## WHAT YOU ARE ASKED TO DO
The lines below starting at the line containing "#23=IFCINDEXEDPOLYGONALFACE((1,5,6,2));" and ending at the line containing "#50=IFCINDEXEDPOLYGONALFACE((3,4,8,7));" are to be repeated exactly, with both ends kept and nothing else added.

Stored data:
# # # # # # #

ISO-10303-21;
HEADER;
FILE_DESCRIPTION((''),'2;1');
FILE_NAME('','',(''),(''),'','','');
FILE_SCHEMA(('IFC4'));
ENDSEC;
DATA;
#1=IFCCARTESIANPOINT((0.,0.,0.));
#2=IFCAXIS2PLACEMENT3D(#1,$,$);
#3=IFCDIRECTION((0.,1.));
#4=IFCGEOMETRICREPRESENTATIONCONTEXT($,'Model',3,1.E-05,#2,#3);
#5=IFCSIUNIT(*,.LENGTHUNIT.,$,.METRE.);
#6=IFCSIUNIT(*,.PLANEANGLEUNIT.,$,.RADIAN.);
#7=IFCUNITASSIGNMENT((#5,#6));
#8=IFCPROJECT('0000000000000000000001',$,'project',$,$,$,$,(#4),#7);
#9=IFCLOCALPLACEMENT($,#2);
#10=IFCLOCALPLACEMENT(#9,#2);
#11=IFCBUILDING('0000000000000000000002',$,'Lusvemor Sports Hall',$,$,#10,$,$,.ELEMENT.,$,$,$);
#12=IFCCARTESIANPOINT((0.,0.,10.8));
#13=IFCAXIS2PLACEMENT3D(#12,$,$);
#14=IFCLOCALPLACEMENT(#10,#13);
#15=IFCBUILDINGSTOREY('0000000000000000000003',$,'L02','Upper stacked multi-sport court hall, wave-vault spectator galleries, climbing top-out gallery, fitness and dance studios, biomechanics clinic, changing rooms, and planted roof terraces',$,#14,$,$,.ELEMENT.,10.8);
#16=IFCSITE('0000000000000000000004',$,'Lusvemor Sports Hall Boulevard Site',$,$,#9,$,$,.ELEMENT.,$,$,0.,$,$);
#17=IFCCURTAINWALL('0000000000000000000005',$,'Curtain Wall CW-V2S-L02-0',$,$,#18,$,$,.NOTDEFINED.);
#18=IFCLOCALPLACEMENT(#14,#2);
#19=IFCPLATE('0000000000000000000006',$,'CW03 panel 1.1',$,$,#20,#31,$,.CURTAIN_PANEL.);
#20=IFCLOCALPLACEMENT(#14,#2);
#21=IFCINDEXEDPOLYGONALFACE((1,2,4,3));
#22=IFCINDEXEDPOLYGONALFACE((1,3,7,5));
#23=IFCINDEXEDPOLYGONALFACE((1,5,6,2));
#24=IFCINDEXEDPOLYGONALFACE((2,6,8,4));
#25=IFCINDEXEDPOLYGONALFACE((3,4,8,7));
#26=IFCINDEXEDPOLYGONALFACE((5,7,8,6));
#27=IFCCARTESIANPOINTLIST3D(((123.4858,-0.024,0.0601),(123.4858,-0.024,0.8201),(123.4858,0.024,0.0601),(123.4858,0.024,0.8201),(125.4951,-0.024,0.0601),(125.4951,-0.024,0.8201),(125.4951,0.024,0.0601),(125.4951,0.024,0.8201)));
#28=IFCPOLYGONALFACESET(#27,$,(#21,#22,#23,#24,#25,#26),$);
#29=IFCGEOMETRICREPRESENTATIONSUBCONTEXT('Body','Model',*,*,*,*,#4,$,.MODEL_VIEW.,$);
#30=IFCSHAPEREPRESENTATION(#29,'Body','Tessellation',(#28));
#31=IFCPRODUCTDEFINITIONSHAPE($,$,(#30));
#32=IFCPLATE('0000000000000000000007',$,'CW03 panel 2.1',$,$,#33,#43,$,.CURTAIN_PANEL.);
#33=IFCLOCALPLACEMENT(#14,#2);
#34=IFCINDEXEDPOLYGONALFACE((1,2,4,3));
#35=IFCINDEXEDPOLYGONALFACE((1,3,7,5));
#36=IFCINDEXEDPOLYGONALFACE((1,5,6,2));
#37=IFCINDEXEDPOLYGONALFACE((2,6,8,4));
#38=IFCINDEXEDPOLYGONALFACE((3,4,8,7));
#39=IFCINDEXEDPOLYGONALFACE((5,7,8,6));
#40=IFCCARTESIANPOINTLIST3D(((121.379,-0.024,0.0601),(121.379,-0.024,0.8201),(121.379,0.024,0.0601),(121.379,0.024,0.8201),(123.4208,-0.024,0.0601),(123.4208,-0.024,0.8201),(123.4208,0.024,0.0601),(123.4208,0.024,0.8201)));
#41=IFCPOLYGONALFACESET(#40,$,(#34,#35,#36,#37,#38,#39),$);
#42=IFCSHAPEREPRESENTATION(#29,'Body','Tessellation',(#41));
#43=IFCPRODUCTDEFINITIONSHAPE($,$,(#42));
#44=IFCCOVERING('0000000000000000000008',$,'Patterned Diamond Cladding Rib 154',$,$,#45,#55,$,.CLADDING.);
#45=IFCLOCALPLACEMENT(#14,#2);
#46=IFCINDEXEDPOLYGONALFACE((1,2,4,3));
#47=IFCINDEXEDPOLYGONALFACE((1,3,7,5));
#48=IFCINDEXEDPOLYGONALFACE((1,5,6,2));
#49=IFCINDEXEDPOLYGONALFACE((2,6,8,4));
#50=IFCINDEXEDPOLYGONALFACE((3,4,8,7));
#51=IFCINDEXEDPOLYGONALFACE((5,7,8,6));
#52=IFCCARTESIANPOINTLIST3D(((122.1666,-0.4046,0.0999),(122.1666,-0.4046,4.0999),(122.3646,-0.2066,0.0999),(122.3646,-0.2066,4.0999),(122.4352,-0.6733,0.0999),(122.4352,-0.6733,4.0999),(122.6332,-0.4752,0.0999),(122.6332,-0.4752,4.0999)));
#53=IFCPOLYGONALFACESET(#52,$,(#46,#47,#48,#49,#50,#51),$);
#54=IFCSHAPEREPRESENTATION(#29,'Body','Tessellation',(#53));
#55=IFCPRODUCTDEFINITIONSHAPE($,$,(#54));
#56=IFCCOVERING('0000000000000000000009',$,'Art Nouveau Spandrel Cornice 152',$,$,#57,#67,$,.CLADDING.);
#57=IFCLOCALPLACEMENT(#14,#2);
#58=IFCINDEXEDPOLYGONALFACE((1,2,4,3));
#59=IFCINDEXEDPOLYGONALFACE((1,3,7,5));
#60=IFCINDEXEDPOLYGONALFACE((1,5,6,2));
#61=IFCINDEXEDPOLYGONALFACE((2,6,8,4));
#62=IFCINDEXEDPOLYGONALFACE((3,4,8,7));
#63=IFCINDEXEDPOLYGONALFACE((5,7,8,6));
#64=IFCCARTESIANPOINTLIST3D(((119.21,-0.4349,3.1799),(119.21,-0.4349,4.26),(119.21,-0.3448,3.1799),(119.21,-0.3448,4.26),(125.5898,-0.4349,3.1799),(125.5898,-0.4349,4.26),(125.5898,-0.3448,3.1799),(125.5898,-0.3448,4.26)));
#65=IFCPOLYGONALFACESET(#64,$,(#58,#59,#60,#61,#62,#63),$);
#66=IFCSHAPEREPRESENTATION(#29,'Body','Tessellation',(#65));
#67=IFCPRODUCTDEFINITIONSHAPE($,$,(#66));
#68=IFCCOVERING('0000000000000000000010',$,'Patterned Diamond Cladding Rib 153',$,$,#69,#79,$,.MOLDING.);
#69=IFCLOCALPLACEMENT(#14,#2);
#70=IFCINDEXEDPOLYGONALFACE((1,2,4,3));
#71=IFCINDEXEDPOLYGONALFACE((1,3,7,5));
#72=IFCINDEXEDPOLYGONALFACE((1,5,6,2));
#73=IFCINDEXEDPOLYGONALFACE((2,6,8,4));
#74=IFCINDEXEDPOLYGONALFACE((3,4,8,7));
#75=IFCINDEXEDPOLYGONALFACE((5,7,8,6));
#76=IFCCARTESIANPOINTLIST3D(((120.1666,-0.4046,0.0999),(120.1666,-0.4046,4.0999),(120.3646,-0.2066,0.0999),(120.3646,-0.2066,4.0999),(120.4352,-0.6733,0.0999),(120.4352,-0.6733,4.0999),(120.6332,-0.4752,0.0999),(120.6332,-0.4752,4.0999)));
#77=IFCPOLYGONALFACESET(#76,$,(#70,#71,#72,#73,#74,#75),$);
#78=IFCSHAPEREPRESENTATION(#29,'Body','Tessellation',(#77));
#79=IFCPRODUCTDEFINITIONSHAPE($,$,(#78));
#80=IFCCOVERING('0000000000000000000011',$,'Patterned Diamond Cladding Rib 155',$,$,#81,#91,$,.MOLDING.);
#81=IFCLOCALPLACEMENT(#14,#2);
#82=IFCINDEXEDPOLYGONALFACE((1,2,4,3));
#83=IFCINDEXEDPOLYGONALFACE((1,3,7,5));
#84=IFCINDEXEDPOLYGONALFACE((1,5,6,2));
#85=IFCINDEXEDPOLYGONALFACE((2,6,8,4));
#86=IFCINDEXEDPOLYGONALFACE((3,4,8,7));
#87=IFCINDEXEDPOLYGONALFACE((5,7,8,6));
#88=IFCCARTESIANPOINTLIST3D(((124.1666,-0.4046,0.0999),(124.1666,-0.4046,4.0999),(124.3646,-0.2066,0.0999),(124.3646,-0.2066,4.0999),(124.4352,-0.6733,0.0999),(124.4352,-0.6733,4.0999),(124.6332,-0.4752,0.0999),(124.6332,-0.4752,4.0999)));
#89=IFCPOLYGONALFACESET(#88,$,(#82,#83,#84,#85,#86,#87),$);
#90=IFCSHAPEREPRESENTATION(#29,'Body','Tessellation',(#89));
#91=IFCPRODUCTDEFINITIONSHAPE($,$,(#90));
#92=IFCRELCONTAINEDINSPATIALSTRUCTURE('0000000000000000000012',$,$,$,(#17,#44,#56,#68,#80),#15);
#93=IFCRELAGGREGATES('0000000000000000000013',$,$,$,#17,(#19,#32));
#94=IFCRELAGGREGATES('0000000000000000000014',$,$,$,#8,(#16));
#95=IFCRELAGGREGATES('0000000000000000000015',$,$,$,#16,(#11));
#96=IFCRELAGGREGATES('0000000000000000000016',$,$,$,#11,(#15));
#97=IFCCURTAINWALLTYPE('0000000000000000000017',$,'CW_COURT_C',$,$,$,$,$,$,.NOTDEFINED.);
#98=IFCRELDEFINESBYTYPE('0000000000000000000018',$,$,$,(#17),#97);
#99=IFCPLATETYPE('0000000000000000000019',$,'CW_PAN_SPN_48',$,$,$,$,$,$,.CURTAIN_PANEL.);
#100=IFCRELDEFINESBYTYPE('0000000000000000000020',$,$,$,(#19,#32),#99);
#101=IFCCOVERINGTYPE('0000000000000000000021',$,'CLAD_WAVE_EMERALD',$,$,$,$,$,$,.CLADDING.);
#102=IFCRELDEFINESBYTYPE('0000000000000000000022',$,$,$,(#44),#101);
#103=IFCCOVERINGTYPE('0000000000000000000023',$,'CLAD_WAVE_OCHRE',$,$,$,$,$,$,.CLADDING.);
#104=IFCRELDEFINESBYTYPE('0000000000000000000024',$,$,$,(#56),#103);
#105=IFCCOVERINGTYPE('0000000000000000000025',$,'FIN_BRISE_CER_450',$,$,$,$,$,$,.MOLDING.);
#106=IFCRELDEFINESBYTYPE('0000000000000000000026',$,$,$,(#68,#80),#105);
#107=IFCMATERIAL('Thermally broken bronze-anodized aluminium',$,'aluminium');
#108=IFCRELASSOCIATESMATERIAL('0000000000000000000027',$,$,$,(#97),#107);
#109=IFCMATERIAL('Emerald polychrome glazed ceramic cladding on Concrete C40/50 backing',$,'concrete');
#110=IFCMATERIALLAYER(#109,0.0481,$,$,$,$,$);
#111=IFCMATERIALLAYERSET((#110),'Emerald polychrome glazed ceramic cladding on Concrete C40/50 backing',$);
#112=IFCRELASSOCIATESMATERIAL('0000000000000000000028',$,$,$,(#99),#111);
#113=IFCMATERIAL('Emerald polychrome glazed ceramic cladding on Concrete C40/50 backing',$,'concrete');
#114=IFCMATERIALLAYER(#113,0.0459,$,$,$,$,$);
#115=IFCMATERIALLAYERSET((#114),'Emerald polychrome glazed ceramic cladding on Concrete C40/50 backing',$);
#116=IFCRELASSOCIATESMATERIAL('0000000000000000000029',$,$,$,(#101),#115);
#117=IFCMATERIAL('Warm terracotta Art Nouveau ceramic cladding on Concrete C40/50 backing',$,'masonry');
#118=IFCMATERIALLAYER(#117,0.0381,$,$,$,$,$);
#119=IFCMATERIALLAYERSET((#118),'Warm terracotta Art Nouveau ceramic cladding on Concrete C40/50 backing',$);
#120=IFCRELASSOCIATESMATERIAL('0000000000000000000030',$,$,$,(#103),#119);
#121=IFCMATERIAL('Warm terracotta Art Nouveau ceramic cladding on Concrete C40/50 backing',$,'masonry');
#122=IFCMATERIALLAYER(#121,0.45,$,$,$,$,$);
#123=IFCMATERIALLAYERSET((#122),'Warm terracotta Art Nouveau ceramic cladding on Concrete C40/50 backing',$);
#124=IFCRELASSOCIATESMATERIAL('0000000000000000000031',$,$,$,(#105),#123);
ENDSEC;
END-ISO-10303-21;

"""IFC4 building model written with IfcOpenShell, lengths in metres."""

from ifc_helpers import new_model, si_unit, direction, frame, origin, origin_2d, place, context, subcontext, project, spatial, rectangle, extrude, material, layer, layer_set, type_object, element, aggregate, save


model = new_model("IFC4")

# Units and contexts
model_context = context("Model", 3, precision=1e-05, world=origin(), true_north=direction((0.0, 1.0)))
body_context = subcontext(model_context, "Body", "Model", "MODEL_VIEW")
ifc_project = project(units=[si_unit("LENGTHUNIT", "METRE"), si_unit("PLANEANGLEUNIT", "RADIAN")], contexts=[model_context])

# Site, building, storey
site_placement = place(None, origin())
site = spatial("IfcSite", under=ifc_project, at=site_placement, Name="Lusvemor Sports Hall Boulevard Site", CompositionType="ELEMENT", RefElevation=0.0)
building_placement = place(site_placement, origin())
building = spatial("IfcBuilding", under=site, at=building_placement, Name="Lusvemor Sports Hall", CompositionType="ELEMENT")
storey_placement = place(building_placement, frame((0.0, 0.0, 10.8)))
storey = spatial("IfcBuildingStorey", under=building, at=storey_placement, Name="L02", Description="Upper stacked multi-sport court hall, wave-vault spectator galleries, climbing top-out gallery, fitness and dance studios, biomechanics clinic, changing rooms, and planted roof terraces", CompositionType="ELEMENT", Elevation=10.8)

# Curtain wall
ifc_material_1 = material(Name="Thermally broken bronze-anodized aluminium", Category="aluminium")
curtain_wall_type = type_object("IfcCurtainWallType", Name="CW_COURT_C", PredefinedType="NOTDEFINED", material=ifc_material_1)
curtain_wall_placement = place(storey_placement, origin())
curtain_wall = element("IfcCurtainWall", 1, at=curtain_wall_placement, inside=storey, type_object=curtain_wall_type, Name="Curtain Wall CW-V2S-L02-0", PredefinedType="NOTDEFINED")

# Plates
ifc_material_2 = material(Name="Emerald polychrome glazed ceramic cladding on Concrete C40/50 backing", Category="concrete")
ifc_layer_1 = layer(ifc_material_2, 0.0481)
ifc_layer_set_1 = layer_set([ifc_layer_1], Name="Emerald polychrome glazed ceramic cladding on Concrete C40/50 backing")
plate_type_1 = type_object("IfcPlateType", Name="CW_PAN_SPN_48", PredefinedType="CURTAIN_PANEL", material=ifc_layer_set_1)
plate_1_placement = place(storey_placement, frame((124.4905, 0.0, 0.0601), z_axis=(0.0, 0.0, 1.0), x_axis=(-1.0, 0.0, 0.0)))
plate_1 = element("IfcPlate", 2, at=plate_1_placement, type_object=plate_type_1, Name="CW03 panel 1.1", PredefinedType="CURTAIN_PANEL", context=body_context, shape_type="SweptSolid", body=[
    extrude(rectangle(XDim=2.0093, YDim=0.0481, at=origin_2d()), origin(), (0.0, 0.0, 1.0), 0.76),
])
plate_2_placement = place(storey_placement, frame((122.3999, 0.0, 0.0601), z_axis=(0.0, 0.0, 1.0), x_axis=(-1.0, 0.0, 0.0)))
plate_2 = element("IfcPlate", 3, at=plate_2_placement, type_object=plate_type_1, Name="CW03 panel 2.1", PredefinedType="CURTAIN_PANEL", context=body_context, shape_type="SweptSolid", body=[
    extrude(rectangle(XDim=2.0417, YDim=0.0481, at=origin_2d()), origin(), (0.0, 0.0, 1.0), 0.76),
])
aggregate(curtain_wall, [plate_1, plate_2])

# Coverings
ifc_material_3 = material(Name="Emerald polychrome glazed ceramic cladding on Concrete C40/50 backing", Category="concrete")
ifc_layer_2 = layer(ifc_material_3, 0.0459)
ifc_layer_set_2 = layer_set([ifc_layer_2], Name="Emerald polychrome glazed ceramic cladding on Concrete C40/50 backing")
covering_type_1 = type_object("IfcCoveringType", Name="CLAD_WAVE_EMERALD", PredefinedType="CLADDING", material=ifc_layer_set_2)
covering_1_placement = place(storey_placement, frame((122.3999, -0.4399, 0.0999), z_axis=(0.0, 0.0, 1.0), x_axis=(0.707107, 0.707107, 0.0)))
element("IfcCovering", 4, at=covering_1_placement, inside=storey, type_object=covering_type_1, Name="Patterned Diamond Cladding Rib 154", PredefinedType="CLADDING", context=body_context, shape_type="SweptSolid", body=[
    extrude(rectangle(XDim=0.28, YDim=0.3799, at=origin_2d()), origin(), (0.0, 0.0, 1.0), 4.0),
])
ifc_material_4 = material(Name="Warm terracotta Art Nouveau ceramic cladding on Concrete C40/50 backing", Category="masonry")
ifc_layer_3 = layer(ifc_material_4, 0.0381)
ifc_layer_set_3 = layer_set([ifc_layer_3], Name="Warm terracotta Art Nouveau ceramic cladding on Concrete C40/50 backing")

# # # # # # #

## COMPLETED EXERCISE
#23=IFCINDEXEDPOLYGONALFACE((1,5,6,2));
#24=IFCINDEXEDPOLYGONALFACE((2,6,8,4));
#25=IFCINDEXEDPOLYGONALFACE((3,4,8,7));
#26=IFCINDEXEDPOLYGONALFACE((5,7,8,6));
#27=IFCCARTESIANPOINTLIST3D(((123.4858,-0.024,0.0601),(123.4858,-0.024,0.8201),(123.4858,0.024,0.0601),(123.4858,0.024,0.8201),(125.4951,-0.024,0.0601),(125.4951,-0.024,0.8201),(125.4951,0.024,0.0601),(125.4951,0.024,0.8201)));
#28=IFCPOLYGONALFACESET(#27,$,(#21,#22,#23,#24,#25,#26),$);
#29=IFCGEOMETRICREPRESENTATIONSUBCONTEXT('Body','Model',*,*,*,*,#4,$,.MODEL_VIEW.,$);
#30=IFCSHAPEREPRESENTATION(#29,'Body','Tessellation',(#28));
#31=IFCPRODUCTDEFINITIONSHAPE($,$,(#30));
#32=IFCPLATE('0000000000000000000007',$,'CW03 panel 2.1',$,$,#33,#43,$,.CURTAIN_PANEL.);
#33=IFCLOCALPLACEMENT(#14,#2);
#34=IFCINDEXEDPOLYGONALFACE((1,2,4,3));
#35=IFCINDEXEDPOLYGONALFACE((1,3,7,5));
#36=IFCINDEXEDPOLYGONALFACE((1,5,6,2));
#37=IFCINDEXEDPOLYGONALFACE((2,6,8,4));
#38=IFCINDEXEDPOLYGONALFACE((3,4,8,7));
#39=IFCINDEXEDPOLYGONALFACE((5,7,8,6));
#40=IFCCARTESIANPOINTLIST3D(((121.379,-0.024,0.0601),(121.379,-0.024,0.8201),(121.379,0.024,0.0601),(121.379,0.024,0.8201),(123.4208,-0.024,0.0601),(123.4208,-0.024,0.8201),(123.4208,0.024,0.0601),(123.4208,0.024,0.8201)));
#41=IFCPOLYGONALFACESET(#40,$,(#34,#35,#36,#37,#38,#39),$);
#42=IFCSHAPEREPRESENTATION(#29,'Body','Tessellation',(#41));
#43=IFCPRODUCTDEFINITIONSHAPE($,$,(#42));
#44=IFCCOVERING('0000000000000000000008',$,'Patterned Diamond Cladding Rib 154',$,$,#45,#55,$,.CLADDING.);
#45=IFCLOCALPLACEMENT(#14,#2);
#46=IFCINDEXEDPOLYGONALFACE((1,2,4,3));
#47=IFCINDEXEDPOLYGONALFACE((1,3,7,5));
#48=IFCINDEXEDPOLYGONALFACE((1,5,6,2));
#49=IFCINDEXEDPOLYGONALFACE((2,6,8,4));
#50=IFCINDEXEDPOLYGONALFACE((3,4,8,7));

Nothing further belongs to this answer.